### Instructions to follow
An exact transcription of the lines below, from the first through the one containing "#3=IFCDIRECTION((0.,1.));", is the only output wanted.

......

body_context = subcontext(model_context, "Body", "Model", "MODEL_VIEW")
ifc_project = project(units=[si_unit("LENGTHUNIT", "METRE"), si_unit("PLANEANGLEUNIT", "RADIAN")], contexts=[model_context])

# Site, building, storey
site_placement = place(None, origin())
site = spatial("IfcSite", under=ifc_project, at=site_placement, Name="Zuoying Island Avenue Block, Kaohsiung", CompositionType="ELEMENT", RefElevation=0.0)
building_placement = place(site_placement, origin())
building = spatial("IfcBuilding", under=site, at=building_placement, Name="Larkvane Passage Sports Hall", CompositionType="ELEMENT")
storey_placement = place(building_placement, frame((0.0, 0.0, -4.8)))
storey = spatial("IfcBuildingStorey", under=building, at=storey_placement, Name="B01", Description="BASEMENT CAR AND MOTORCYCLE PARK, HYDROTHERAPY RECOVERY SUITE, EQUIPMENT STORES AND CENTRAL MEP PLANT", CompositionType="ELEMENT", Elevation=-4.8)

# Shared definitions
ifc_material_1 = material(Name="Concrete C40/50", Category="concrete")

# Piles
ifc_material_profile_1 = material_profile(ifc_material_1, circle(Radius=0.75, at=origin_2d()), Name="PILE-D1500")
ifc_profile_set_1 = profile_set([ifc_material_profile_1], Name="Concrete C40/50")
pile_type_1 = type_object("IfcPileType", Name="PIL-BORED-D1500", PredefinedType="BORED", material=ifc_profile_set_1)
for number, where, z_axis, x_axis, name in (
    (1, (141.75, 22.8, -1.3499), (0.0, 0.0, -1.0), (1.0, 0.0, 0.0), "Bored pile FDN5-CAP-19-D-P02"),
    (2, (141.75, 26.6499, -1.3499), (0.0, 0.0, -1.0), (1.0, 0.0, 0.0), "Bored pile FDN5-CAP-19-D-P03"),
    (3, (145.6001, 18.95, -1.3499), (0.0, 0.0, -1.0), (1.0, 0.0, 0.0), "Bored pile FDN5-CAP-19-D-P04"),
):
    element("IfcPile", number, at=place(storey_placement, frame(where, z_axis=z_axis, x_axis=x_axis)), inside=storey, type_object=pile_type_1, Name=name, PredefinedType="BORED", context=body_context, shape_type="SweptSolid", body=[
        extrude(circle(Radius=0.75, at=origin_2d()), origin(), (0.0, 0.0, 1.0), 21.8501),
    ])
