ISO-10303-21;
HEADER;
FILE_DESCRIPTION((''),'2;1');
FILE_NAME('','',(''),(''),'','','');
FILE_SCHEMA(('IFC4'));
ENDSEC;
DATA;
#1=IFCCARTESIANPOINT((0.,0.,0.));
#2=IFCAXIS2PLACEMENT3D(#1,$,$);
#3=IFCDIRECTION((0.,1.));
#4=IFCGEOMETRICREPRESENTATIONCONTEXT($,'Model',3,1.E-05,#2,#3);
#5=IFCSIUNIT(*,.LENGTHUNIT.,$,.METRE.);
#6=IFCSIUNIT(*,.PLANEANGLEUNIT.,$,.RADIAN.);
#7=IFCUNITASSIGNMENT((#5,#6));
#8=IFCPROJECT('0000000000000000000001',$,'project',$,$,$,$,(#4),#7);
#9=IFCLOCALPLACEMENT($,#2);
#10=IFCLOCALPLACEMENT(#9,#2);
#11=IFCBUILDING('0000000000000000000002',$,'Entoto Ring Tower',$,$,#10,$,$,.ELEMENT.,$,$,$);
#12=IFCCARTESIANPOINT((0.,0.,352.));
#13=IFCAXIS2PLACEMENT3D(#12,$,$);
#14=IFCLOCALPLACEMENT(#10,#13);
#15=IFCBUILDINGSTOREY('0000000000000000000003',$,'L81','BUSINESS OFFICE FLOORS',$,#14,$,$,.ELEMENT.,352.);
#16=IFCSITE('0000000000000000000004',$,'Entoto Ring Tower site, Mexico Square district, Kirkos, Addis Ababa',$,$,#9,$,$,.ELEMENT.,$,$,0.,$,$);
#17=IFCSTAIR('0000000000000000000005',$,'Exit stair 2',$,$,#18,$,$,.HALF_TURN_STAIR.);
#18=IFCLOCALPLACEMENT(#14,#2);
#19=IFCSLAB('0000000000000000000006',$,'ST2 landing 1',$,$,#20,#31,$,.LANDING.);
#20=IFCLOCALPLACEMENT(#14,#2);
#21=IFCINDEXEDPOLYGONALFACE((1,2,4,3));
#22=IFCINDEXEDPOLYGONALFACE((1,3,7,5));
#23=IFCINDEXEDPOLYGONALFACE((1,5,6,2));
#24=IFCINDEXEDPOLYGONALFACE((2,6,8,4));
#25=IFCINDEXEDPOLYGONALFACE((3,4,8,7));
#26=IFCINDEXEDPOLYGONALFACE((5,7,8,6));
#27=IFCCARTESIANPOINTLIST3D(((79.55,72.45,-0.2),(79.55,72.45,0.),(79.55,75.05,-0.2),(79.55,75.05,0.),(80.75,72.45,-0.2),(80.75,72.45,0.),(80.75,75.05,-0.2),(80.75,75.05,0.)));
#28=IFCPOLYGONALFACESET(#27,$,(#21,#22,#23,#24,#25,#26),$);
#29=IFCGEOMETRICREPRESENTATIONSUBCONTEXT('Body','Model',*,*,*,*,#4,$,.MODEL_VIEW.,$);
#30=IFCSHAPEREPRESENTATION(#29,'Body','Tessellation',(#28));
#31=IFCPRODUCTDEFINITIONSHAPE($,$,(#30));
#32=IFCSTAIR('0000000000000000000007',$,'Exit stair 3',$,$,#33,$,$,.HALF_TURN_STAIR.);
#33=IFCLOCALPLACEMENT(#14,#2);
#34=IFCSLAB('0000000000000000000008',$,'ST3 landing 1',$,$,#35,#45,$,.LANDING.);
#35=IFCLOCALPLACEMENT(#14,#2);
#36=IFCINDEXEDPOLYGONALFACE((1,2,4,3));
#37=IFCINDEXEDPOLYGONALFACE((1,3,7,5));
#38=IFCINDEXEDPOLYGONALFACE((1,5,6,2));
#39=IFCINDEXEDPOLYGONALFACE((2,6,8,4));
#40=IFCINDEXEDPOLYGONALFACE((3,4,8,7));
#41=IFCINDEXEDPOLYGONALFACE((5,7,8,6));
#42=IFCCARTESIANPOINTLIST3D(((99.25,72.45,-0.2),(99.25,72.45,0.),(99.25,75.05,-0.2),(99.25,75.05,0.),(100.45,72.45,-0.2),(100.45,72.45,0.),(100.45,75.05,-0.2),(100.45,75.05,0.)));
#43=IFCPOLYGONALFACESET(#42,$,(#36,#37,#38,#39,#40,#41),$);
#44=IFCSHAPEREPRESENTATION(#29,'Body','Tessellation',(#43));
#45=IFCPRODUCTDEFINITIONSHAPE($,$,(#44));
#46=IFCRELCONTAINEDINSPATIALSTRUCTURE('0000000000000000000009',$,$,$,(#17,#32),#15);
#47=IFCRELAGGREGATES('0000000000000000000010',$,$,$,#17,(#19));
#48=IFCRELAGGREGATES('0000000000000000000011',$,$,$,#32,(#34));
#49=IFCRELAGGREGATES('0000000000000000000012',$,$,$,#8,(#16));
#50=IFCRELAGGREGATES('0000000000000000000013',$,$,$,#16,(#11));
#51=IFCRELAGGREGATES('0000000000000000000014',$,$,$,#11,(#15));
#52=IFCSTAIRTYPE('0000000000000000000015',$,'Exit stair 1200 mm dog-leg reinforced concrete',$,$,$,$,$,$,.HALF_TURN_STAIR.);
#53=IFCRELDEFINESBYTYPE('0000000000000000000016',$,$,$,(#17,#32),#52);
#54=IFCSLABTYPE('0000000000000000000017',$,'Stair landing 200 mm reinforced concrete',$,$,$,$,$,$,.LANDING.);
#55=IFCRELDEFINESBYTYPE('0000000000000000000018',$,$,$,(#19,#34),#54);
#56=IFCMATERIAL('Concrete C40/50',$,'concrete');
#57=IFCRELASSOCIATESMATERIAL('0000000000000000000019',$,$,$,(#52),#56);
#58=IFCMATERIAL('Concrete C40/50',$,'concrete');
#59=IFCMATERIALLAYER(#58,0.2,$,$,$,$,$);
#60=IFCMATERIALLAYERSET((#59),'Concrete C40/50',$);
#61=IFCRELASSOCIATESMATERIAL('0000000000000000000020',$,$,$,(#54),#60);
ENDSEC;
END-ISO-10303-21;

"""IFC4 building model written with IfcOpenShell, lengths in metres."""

from ifc_helpers import new_model, si_unit, direction, frame, origin, place, context, subcontext, project, spatial, polyline, outline, extrude, material, layer, layer_set, type_object, element, aggregate, save


model = new_model("IFC4")

# Units and contexts
model_context = context("Model", 3, precision=1e-05, world=origin(), true_north=direction((0.0, 1.0)))
body_context = subcontext(model_context, "Body", "Model", "MODEL_VIEW")
ifc_project = project(units=[si_unit("LENGTHUNIT", "METRE"), si_unit("PLANEANGLEUNIT", "RADIAN")], contexts=[model_context])

# Site, building, storey
site_placement = place(None, origin())
building_placement = place(site_placement, origin())
storey_placement = place(building_placement, frame((0.0, 0.0, 352.0)))
site = spatial("IfcSite", under=ifc_project, at=site_placement, Name="Entoto Ring Tower site, Mexico Square district, Kirkos, Addis Ababa", CompositionType="ELEMENT", RefElevation=0.0)
building = spatial("IfcBuilding", under=site, at=building_placement, Name="Entoto Ring Tower", CompositionType="ELEMENT")
storey = spatial("IfcBuildingStorey", under=building, at=storey_placement, Name="L81", Description="BUSINESS OFFICE FLOORS", CompositionType="ELEMENT", Elevation=352.0)

# Stairs, slabs
ifc_material_1 = material(Name="Concrete C40/50", Category="concrete")
stair_type = type_object("IfcStairType", Name="Exit stair 1200 mm dog-leg reinforced concrete", PredefinedType="HALF_TURN_STAIR", material=ifc_material_1)
ifc_material_2 = material(Name="Concrete C40/50", Category="concrete")
ifc_layer_1 = layer(ifc_material_2, 0.2)
ifc_layer_set_1 = layer_set([ifc_layer_1], Name="Concrete C40/50")
slab_type_1 = type_object("IfcSlabType", Name="Stair landing 200 mm reinforced concrete", PredefinedType="LANDING", material=ifc_layer_set_1)
stair_1_placement = place(storey_placement, origin())
stair_1 = element("IfcStair", 1, at=stair_1_placement, inside=storey, type_object=stair_type, Name="Exit stair 2", PredefinedType="HALF_TURN_STAIR")
slab_1_placement = place(storey_placement, frame((0.0, 0.0, -0.2)))
slab_1 = element("IfcSlab", 2, at=slab_1_placement, type_object=slab_type_1, Name="ST2 landing 1", PredefinedType="LANDING", context=body_context, shape_type="SweptSolid", body=[
    extrude(outline(polyline([(80.75, 72.45), (80.75, 75.05), (79.55, 75.05), (79.55, 72.45), (80.75, 72.45)])), origin(), (0.0, 0.0, 1.0), 0.2),
])
aggregate(stair_1, [slab_1])
stair_2_placement = place(storey_placement, origin())
stair_2 = element("IfcStair", 3, at=stair_2_placement, inside=storey, type_object=stair_type, Name="Exit stair 3", PredefinedType="HALF_TURN_STAIR")
slab_2_placement = place(storey_placement, frame((0.0, 0.0, -0.2)))
slab_2 = element("IfcSlab", 4, at=slab_2_placement, type_object=slab_type_1, Name="ST3 landing 1", PredefinedType="LANDING", context=body_context, shape_type="SweptSolid", body=[
    extrude(outline(polyline([(100.45, 72.45), (100.45, 75.05), (99.25, 75.05), (99.25, 72.45), (100.45, 72.45)])), origin(), (0.0, 0.0, 1.0), 0.2),
])
aggregate(stair_2, [slab_2])

save(model, "model.ifc")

......

### Solution to this problem
body_context = subcontext(model_context, "Body", "Model", "MODEL_VIEW")
ifc_project = project(units=[si_unit("LENGTHUNIT", "METRE"), si_unit("PLANEANGLEUNIT", "RADIAN")], contexts=[model_context])

# Site, building, storey
site_placement = place(None, origin())
site = spatial("IfcSite", under=ifc_project, at=site_placement, Name="Zuoying Island Avenue Block, Kaohsiung", CompositionType="ELEMENT", RefElevation=0.0)
building_placement = place(site_placement, origin())
building = spatial("IfcBuilding", under=site, at=building_placement, Name="Larkvane Passage Sports Hall", CompositionType="ELEMENT")
storey_placement = place(building_placement, frame((0.0, 0.0, -4.8)))
storey = spatial("IfcBuildingStorey", under=building, at=storey_placement, Name="B01", Description="BASEMENT CAR AND MOTORCYCLE PARK, HYDROTHERAPY RECOVERY SUITE, EQUIPMENT STORES AND CENTRAL MEP PLANT", CompositionType="ELEMENT", Elevation=-4.8)

# Shared definitions
ifc_material_1 = material(Name="Concrete C40/50", Category="concrete")

# Piles
ifc_material_profile_1 = material_profile(ifc_material_1, circle(Radius=0.75, at=origin_2d()), Name="PILE-D1500")
ifc_profile_set_1 = profile_set([ifc_material_profile_1], Name="Concrete C40/50")
pile_type_1 = type_object("IfcPileType", Name="PIL-BORED-D1500", PredefinedType="BORED", material=ifc_profile_set_1)
for number, where, z_axis, x_axis, name in (
    (1, (141.75, 22.8, -1.3499), (0.0, 0.0, -1.0), (1.0, 0.0, 0.0), "Bored pile FDN5-CAP-19-D-P02"),
    (2, (141.75, 26.6499, -1.3499), (0.0, 0.0, -1.0), (1.0, 0.0, 0.0), "Bored pile FDN5-CAP-19-D-P03"),
    (3, (145.6001, 18.95, -1.3499), (0.0, 0.0, -1.0), (1.0, 0.0, 0.0), "Bored pile FDN5-CAP-19-D-P04"),
):
    element("IfcPile", number, at=place(storey_placement, frame(where, z_axis=z_axis, x_axis=x_axis)), inside=storey, type_object=pile_type_1, Name=name, PredefinedType="BORED", context=body_context, shape_type="SweptSolid", body=[
        extrude(circle(Radius=0.75, at=origin_2d()), origin(), (0.0, 0.0, 1.0), 21.8501),
    ])
ISO-10303-21;
HEADER;
FILE_DESCRIPTION((''),'2;1');
FILE_NAME('','',(''),(''),'','','');
FILE_SCHEMA(('IFC4'));
ENDSEC;
DATA;
#1=IFCCARTESIANPOINT((0.,0.,0.));
#2=IFCAXIS2PLACEMENT3D(#1,$,$);
#3=IFCDIRECTION((0.,1.));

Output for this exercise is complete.